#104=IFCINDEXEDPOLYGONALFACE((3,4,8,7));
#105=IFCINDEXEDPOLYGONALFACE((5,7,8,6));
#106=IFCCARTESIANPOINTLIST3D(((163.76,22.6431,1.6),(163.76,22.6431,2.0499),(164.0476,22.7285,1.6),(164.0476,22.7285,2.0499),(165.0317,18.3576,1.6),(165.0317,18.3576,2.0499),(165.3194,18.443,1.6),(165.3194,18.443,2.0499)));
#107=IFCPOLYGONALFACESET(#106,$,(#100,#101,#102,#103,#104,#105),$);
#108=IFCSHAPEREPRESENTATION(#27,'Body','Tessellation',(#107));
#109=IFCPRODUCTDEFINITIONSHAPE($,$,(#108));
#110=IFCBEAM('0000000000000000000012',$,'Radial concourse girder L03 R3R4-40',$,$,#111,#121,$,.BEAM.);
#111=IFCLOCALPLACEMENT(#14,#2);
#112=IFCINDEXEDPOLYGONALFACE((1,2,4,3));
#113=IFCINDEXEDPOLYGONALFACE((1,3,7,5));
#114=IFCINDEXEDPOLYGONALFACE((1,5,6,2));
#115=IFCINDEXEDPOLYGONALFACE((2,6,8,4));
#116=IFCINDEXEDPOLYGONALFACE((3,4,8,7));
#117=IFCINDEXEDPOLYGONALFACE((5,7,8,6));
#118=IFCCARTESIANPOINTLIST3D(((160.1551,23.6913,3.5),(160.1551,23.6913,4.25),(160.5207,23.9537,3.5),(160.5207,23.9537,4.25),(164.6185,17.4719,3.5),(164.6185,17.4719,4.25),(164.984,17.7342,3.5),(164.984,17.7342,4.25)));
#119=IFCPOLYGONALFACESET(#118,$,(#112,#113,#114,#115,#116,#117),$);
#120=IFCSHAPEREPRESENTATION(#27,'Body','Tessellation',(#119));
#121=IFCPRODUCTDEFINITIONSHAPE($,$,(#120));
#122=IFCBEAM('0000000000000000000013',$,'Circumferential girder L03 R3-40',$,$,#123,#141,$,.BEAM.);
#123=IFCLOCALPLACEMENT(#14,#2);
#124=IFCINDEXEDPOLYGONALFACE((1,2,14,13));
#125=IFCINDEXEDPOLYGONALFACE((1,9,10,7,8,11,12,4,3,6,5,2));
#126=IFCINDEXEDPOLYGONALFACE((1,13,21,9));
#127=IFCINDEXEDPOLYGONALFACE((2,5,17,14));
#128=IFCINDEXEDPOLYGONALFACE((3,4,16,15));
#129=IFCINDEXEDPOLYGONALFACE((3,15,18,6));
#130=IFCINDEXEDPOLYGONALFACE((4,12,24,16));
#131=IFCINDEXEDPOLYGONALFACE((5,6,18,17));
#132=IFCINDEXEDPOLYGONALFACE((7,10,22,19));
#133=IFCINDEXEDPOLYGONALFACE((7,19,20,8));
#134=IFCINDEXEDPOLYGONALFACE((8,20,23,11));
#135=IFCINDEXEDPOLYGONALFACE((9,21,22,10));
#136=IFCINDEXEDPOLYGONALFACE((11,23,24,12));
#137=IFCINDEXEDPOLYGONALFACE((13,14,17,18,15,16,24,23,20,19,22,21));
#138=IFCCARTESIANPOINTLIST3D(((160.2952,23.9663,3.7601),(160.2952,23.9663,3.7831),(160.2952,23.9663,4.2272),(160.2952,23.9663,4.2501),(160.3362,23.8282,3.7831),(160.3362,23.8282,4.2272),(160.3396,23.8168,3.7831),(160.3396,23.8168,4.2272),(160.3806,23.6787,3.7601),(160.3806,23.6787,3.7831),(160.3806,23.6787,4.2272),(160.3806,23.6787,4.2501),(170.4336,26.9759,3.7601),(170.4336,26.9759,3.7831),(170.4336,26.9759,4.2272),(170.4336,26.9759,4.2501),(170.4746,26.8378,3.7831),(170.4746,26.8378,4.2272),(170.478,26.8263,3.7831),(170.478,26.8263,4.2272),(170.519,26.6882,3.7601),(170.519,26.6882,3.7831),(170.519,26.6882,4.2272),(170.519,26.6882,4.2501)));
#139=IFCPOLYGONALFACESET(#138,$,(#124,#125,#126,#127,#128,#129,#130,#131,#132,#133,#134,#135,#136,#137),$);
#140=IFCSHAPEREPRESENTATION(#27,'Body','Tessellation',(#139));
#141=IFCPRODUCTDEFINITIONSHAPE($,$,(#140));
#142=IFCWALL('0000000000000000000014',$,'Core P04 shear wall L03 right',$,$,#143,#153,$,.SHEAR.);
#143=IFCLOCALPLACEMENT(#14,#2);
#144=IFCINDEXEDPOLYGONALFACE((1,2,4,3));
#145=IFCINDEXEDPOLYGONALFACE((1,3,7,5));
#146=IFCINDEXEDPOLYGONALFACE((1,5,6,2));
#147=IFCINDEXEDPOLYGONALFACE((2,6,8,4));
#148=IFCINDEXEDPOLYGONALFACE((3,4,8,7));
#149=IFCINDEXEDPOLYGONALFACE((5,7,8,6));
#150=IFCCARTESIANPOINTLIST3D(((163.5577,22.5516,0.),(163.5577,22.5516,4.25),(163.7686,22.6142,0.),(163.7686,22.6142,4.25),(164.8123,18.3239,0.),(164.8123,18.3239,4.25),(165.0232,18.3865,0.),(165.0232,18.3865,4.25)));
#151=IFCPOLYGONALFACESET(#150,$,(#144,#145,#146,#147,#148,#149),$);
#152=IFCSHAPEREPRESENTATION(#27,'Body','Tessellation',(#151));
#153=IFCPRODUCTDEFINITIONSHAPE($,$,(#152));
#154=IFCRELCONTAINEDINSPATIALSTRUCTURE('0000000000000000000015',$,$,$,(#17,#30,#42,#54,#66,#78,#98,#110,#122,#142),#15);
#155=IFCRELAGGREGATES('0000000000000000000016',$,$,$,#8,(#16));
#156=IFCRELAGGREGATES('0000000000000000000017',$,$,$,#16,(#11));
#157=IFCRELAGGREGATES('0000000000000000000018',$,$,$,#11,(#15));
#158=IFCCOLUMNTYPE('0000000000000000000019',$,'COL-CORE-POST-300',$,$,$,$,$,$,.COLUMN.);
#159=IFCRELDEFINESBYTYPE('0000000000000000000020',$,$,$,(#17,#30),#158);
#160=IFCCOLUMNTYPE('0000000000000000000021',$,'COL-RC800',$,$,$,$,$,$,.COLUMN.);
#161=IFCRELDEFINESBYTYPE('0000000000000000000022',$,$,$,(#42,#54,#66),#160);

——————————

Copy out every line from the data above that has "IFCRELAGGREGATES" in it.

→ **Task response**:
#155=IFCRELAGGREGATES('0000000000000000000016',$,$,$,#8,(#16));
#156=IFCRELAGGREGATES('0000000000000000000017',$,$,$,#16,(#11));
#157=IFCRELAGGREGATES('0000000000000000000018',$,$,$,#11,(#15));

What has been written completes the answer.